Work item
Nothing but the lines from the one that contains "building_placement = place(site_placement, origin())" through the end of the data should be reproduced, and each must match exactly.

Dataset entries
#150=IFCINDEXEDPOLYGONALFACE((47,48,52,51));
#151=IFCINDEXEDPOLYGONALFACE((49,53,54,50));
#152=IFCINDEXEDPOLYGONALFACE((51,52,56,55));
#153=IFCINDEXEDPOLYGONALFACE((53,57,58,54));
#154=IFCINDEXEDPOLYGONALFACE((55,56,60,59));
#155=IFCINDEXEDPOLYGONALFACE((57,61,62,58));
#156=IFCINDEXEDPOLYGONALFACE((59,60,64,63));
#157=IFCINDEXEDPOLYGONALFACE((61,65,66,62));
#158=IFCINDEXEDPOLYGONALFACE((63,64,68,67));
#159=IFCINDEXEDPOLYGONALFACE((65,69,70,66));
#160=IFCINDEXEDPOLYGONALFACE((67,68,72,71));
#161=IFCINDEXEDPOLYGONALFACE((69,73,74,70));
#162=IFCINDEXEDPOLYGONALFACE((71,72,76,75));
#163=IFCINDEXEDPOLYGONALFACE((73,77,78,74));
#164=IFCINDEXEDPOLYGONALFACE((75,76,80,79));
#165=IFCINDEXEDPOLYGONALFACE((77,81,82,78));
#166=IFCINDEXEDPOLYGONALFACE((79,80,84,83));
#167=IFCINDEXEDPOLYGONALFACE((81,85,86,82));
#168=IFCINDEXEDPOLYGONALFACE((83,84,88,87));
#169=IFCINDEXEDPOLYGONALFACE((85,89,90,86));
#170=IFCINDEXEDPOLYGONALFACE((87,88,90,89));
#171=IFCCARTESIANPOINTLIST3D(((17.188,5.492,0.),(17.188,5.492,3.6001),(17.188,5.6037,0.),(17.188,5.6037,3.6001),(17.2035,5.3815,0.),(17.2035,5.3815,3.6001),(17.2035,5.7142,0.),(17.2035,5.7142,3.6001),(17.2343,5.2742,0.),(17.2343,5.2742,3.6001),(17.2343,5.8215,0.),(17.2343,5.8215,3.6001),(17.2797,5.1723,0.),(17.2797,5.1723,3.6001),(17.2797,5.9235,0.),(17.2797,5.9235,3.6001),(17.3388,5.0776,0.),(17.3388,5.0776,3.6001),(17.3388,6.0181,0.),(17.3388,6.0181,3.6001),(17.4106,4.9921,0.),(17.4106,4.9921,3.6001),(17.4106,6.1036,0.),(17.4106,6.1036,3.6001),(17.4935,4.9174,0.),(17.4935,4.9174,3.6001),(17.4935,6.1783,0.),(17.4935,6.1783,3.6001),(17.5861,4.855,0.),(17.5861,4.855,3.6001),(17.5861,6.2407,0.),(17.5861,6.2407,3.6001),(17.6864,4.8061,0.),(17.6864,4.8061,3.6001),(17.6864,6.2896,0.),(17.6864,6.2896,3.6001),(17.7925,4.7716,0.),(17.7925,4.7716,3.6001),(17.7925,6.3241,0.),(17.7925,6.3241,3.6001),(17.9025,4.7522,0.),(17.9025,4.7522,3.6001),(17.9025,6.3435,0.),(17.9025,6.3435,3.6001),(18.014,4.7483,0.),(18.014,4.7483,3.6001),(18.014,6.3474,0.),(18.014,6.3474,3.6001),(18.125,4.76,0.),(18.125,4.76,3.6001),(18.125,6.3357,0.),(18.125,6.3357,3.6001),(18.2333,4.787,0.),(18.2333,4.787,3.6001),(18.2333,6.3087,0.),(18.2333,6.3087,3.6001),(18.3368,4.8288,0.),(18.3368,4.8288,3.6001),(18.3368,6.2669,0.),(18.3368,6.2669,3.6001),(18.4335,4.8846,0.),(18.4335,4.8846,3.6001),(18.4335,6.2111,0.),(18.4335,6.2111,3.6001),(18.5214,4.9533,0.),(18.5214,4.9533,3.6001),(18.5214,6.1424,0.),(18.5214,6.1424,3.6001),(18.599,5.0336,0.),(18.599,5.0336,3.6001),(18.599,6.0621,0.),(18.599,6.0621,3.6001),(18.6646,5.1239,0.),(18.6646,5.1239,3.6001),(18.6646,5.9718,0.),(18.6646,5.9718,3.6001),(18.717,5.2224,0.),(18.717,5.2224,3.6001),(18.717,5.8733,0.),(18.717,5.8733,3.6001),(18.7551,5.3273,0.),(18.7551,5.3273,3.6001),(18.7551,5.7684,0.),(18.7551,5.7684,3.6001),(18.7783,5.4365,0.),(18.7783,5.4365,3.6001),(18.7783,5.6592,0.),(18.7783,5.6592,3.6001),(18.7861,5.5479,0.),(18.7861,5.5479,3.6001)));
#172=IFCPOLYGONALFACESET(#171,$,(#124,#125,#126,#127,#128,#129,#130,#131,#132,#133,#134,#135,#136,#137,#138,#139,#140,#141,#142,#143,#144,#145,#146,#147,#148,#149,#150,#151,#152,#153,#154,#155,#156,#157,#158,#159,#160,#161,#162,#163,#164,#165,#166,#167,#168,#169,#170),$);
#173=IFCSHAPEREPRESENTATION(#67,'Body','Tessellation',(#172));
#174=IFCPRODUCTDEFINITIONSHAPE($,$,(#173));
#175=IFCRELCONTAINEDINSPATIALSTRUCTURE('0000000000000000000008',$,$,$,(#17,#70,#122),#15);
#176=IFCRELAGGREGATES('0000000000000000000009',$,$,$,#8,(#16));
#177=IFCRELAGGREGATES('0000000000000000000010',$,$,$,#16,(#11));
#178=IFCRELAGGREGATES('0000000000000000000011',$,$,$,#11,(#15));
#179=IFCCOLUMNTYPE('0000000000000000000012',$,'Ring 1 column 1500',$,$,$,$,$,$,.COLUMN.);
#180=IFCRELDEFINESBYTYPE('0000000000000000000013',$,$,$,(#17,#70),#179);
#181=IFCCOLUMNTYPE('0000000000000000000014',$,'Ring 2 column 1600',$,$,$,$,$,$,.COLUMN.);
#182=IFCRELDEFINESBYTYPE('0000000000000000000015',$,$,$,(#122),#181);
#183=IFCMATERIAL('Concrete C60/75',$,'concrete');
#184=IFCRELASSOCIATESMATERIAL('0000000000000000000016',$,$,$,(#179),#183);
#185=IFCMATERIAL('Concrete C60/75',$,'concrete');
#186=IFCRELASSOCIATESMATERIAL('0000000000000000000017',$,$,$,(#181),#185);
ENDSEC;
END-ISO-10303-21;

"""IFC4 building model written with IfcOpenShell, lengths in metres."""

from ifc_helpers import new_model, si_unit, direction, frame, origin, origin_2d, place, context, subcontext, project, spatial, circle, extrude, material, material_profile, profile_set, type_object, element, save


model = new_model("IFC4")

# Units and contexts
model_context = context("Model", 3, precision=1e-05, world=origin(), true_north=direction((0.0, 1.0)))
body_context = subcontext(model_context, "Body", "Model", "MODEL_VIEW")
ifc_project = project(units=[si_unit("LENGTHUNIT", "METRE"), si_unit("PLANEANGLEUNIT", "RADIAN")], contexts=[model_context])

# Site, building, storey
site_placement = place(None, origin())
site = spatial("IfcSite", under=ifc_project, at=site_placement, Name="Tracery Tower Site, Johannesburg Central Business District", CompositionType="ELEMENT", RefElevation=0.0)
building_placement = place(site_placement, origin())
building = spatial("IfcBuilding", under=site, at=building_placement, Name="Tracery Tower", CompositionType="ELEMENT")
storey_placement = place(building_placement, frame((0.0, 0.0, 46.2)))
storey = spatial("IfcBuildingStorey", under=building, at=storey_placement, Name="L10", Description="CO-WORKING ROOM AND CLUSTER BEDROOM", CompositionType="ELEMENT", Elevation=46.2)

Answer box
building_placement = place(site_placement, origin())
building = spatial("IfcBuilding", under=site, at=building_placement, Name="Tracery Tower", CompositionType="ELEMENT")
storey_placement = place(building_placement, frame((0.0, 0.0, 46.2)))
storey = spatial("IfcBuildingStorey", under=building, at=storey_placement, Name="L10", Description="CO-WORKING ROOM AND CLUSTER BEDROOM", CompositionType="ELEMENT", Elevation=46.2)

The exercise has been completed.